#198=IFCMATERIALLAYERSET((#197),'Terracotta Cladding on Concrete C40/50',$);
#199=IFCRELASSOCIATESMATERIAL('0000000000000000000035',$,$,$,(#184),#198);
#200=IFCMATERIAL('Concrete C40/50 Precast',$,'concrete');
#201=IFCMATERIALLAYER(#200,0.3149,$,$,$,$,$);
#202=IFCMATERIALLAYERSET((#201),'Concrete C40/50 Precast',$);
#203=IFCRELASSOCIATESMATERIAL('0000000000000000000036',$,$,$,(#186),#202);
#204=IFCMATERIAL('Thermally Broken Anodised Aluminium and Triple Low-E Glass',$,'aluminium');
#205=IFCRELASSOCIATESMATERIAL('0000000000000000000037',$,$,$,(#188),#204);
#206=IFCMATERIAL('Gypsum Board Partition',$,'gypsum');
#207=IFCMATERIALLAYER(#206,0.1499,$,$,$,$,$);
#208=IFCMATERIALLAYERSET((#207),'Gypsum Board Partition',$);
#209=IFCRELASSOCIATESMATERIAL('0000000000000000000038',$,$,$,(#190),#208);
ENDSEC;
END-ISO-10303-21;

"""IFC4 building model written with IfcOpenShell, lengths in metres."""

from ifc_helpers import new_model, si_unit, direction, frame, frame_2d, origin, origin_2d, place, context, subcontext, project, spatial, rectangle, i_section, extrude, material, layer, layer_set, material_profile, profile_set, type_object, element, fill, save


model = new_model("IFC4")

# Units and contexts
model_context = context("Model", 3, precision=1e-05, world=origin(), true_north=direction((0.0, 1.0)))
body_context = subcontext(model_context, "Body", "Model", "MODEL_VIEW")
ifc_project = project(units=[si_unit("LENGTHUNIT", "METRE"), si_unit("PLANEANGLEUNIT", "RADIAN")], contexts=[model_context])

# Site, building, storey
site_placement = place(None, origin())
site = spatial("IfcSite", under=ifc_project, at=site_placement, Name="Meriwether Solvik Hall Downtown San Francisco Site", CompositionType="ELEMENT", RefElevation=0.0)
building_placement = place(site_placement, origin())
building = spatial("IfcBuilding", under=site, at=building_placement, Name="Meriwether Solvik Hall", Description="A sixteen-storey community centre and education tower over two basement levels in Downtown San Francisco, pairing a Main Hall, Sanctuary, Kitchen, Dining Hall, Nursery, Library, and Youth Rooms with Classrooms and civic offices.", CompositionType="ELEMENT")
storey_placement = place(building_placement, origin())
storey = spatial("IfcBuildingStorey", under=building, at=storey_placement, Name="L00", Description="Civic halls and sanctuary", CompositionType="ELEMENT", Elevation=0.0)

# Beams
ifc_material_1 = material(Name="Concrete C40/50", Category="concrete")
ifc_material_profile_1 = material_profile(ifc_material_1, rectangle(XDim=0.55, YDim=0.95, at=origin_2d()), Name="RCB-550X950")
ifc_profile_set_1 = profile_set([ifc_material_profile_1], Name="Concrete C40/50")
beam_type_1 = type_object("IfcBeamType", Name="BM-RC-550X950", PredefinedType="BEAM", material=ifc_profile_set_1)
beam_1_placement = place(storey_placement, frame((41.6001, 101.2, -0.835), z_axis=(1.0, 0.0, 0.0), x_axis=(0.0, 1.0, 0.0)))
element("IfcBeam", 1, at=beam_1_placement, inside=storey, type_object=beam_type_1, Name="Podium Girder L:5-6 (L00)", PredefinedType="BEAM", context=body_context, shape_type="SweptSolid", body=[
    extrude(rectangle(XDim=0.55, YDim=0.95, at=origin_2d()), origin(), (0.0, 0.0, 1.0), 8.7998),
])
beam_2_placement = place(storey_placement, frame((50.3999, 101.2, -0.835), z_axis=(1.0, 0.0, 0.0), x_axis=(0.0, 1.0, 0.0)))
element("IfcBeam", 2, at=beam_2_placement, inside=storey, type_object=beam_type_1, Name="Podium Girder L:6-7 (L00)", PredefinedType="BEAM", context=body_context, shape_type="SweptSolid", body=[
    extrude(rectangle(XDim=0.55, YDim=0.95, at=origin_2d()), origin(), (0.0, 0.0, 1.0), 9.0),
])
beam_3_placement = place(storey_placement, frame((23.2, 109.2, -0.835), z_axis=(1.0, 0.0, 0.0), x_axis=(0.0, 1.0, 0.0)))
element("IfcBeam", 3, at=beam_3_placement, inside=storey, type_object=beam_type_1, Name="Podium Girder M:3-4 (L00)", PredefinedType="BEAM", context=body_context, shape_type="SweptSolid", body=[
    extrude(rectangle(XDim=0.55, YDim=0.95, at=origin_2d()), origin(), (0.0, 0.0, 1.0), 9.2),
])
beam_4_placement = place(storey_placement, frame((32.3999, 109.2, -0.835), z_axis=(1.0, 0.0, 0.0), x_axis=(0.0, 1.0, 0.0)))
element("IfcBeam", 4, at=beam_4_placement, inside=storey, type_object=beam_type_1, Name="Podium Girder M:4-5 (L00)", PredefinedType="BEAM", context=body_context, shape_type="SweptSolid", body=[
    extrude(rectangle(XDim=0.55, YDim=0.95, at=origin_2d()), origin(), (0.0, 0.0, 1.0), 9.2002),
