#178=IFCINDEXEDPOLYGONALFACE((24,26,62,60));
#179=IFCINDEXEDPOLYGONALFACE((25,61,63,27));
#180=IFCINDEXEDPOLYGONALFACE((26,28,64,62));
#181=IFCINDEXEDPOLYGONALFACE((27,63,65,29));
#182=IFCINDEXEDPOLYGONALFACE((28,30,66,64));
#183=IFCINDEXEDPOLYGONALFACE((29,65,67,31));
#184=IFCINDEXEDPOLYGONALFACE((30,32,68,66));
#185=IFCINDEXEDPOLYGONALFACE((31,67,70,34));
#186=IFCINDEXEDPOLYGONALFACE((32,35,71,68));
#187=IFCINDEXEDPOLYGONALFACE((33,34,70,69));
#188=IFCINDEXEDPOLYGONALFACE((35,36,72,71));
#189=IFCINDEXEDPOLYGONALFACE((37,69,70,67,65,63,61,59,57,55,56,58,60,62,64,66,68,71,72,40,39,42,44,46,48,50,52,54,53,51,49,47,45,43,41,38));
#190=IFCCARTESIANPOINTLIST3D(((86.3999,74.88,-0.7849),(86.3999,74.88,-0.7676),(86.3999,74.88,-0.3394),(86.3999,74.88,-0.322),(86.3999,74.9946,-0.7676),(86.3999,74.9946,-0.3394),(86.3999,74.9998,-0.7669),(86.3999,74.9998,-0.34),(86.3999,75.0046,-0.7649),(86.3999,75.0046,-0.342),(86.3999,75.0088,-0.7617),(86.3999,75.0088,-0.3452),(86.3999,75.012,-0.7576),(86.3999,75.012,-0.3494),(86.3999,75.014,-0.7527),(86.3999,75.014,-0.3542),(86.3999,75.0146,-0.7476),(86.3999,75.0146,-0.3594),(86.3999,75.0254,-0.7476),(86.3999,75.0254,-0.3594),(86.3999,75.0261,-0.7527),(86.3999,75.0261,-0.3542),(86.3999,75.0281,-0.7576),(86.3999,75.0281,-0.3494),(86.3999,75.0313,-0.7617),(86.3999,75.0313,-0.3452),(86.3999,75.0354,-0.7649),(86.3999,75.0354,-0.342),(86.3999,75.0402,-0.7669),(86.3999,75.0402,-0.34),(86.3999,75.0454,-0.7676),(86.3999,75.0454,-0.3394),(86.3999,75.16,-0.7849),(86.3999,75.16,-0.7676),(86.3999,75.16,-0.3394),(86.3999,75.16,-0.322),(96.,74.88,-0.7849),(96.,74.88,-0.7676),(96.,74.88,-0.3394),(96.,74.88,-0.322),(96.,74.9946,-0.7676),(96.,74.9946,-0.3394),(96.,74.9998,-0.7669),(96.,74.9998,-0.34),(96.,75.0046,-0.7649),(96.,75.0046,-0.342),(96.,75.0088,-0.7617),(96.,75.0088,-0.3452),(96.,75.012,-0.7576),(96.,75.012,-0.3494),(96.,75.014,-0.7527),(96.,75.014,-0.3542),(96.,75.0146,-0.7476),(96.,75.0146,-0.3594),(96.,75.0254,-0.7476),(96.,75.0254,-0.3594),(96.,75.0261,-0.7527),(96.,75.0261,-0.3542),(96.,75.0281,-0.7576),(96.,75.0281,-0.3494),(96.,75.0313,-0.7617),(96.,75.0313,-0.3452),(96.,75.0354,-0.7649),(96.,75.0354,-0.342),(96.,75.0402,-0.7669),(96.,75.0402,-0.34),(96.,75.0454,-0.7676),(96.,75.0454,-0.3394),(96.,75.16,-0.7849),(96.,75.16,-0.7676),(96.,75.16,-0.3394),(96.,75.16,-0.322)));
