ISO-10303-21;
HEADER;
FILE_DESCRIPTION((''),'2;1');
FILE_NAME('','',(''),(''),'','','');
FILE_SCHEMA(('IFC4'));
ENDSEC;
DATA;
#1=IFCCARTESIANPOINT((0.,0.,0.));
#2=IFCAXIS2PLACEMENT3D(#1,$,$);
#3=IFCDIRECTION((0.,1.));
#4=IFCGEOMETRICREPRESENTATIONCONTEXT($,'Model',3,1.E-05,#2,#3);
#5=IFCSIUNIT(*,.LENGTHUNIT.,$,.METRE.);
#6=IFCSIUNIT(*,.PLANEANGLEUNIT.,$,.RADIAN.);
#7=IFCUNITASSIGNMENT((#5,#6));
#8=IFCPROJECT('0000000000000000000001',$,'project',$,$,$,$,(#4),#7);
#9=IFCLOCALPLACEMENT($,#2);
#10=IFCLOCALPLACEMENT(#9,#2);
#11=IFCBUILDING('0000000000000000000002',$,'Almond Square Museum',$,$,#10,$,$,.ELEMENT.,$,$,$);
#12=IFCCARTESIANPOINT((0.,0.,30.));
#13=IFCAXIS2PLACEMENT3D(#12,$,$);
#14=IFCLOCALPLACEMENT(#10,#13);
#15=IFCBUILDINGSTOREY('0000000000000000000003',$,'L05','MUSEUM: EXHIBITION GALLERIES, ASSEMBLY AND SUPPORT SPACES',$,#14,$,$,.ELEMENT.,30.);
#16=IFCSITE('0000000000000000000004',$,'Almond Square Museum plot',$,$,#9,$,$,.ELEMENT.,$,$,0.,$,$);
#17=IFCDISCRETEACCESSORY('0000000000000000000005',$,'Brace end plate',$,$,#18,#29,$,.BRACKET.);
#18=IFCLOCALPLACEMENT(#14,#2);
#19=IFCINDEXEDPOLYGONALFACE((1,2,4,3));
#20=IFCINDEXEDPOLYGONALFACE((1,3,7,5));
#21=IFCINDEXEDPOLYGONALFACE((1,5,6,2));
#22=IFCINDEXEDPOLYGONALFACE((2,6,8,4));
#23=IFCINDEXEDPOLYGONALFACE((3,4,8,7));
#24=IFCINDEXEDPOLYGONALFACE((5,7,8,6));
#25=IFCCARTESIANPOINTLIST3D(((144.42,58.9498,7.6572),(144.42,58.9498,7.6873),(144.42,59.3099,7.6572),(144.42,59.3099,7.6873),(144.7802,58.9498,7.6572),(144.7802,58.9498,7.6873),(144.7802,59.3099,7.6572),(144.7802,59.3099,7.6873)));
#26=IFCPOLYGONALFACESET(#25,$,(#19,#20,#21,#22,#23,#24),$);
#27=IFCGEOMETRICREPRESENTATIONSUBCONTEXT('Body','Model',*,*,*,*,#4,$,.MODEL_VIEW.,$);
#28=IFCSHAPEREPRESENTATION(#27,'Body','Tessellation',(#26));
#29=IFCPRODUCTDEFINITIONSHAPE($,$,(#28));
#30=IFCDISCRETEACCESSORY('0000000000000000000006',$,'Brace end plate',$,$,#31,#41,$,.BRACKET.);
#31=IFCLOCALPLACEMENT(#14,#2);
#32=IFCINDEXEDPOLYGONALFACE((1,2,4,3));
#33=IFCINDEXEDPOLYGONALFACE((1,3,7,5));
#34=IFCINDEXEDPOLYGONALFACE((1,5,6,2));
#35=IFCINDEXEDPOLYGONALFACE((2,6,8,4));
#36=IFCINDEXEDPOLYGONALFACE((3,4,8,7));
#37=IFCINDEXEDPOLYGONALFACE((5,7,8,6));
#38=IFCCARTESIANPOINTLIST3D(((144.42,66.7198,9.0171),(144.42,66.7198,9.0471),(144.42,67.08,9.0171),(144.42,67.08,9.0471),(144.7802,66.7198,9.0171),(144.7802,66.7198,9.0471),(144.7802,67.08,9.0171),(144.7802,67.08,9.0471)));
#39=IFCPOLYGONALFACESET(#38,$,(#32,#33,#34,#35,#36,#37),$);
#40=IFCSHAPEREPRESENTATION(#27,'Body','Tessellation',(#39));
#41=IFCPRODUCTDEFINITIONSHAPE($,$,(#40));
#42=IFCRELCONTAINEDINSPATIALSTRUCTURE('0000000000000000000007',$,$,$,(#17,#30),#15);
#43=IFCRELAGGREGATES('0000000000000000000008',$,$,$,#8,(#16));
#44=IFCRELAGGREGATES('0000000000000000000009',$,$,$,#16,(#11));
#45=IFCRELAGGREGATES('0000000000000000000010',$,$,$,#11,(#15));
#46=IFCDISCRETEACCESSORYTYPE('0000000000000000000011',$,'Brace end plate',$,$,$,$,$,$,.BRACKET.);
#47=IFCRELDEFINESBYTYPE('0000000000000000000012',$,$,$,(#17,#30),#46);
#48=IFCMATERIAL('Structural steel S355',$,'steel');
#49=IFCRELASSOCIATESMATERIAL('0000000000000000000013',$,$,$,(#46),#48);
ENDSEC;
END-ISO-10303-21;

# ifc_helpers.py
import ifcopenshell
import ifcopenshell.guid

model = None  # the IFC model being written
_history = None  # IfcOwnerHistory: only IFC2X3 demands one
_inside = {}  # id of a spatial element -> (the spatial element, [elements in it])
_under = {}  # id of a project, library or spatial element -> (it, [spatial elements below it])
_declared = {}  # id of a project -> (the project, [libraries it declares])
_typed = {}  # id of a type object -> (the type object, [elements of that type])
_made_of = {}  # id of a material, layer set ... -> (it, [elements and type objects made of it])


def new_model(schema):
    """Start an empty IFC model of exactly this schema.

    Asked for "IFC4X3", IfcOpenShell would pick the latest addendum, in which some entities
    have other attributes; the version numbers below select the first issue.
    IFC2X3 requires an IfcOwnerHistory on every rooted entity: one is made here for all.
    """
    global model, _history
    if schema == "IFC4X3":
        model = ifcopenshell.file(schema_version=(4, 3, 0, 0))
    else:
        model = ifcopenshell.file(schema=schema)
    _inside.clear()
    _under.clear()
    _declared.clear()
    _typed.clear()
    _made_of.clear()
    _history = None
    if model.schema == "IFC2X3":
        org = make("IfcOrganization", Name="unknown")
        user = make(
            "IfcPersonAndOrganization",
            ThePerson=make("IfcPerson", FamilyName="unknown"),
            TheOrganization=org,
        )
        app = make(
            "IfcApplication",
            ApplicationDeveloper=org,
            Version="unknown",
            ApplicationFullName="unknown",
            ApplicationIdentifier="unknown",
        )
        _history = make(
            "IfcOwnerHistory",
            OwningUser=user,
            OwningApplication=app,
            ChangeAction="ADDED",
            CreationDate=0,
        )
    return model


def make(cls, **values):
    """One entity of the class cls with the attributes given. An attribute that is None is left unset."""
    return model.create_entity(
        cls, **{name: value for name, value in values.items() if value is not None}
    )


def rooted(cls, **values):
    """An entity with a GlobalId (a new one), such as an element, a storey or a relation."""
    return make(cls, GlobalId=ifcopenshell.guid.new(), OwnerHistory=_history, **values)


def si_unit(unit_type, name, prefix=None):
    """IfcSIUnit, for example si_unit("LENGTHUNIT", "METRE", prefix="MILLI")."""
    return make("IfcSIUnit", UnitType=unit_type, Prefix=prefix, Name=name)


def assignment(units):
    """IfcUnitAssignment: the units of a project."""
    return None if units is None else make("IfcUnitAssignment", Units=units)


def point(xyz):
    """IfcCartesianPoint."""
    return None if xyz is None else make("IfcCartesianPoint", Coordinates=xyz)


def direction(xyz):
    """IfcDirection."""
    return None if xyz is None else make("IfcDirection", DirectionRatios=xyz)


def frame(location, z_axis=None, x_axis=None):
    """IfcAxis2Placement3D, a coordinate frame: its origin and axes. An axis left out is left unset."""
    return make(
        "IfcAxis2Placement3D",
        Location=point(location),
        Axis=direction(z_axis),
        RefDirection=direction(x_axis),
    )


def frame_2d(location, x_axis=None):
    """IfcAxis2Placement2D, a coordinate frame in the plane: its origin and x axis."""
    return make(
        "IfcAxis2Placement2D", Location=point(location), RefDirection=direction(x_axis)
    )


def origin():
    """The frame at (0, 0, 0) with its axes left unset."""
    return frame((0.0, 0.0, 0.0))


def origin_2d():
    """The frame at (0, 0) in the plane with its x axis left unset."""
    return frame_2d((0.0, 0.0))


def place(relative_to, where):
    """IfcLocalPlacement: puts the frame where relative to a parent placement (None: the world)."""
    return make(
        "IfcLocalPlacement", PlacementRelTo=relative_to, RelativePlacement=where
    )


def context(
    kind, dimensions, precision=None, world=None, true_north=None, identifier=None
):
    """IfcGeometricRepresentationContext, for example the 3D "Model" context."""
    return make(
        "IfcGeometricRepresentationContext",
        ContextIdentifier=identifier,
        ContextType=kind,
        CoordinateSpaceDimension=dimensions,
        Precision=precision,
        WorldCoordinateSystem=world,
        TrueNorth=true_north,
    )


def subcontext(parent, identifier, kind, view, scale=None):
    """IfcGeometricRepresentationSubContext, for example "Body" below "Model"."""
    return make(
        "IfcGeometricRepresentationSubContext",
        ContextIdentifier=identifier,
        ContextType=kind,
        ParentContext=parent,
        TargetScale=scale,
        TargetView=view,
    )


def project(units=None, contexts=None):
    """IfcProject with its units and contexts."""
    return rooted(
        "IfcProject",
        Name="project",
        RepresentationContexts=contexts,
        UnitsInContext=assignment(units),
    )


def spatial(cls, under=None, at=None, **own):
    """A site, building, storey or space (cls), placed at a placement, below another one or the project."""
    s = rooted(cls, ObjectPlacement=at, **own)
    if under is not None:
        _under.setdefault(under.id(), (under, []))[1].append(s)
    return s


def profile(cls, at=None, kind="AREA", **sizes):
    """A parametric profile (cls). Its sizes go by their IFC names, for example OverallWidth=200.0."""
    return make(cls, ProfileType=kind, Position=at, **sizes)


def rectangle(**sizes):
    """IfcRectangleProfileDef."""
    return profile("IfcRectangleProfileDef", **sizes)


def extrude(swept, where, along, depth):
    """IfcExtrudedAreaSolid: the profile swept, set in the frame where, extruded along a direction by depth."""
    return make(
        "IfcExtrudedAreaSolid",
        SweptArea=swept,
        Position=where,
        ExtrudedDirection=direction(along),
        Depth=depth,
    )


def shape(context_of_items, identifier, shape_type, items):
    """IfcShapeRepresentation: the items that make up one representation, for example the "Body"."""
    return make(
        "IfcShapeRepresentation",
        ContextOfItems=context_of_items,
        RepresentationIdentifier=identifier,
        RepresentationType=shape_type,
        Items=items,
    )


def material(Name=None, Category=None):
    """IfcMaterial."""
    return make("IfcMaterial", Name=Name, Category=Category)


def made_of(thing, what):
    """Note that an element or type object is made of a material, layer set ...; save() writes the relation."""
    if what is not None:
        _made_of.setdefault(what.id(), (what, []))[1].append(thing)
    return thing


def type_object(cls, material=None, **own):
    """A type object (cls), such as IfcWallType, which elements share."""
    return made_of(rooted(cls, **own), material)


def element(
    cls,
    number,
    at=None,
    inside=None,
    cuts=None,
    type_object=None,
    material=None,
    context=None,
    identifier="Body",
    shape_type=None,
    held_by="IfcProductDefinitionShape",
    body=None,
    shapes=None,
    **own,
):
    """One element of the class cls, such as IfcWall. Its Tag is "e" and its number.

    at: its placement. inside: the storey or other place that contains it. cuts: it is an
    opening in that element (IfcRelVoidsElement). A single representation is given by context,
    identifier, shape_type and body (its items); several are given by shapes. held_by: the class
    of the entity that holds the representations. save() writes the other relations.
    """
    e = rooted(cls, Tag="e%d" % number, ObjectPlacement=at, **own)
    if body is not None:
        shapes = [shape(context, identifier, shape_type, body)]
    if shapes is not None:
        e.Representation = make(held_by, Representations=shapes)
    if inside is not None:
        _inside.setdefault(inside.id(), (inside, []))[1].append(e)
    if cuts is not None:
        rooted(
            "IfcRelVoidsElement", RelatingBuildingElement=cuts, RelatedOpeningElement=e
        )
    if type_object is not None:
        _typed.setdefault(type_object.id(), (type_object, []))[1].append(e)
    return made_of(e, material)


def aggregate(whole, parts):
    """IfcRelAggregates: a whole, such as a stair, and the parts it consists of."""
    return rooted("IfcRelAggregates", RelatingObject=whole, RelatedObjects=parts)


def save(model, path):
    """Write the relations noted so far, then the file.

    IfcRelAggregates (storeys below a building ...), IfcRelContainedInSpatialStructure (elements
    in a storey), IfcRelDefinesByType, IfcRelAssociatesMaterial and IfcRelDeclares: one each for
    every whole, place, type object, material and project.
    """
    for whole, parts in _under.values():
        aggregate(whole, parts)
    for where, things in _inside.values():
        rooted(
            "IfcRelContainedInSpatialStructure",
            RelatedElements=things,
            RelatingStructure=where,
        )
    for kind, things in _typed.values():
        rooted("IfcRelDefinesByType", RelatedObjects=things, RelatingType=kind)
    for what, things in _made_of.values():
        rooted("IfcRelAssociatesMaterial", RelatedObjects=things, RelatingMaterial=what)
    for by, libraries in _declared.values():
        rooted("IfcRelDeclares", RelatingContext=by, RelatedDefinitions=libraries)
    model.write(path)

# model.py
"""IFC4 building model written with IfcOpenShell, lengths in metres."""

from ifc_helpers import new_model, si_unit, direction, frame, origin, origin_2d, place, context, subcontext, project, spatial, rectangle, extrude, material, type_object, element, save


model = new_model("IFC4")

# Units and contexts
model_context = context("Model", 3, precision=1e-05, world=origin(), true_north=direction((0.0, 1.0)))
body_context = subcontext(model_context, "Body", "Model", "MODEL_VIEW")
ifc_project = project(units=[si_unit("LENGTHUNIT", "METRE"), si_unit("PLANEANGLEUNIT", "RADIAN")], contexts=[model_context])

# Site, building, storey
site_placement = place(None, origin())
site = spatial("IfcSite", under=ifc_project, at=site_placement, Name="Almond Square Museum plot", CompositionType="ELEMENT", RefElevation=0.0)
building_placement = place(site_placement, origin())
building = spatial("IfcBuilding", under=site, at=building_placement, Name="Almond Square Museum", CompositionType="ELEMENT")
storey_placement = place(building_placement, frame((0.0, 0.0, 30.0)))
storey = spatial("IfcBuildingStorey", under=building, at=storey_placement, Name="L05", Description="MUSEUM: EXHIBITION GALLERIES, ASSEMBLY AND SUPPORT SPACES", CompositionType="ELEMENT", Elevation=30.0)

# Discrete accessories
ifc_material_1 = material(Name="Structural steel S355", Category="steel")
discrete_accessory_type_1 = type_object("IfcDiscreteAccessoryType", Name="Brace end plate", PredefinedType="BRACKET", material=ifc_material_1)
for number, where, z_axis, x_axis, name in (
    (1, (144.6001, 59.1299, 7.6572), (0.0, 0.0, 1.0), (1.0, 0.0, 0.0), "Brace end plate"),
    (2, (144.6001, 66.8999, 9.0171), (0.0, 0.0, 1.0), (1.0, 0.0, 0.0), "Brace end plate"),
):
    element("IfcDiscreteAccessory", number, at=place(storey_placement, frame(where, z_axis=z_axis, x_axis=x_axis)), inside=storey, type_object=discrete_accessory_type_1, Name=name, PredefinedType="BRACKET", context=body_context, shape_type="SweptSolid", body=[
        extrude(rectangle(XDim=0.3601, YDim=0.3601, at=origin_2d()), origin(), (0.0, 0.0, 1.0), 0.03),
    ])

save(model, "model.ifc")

- [Assignment]: Copy out, exactly and alone, the lines of the entries above between the ones holding "#40=IFCSHAPEREPRESENTATION(#27,'Body','Tessellation',(#39));" and "#48=IFCMATERIAL('Structural steel S355',$,'steel');", inclusive.

- [Reply to the exercise]:
#40=IFCSHAPEREPRESENTATION(#27,'Body','Tessellation',(#39));
#41=IFCPRODUCTDEFINITIONSHAPE($,$,(#40));
#42=IFCRELCONTAINEDINSPATIALSTRUCTURE('0000000000000000000007',$,$,$,(#17,#30),#15);
#43=IFCRELAGGREGATES('0000000000000000000008',$,$,$,#8,(#16));
#44=IFCRELAGGREGATES('0000000000000000000009',$,$,$,#16,(#11));
#45=IFCRELAGGREGATES('0000000000000000000010',$,$,$,#11,(#15));
#46=IFCDISCRETEACCESSORYTYPE('0000000000000000000011',$,'Brace end plate',$,$,$,$,$,$,.BRACKET.);
#47=IFCRELDEFINESBYTYPE('0000000000000000000012',$,$,$,(#17,#30),#46);
#48=IFCMATERIAL('Structural steel S355',$,'steel');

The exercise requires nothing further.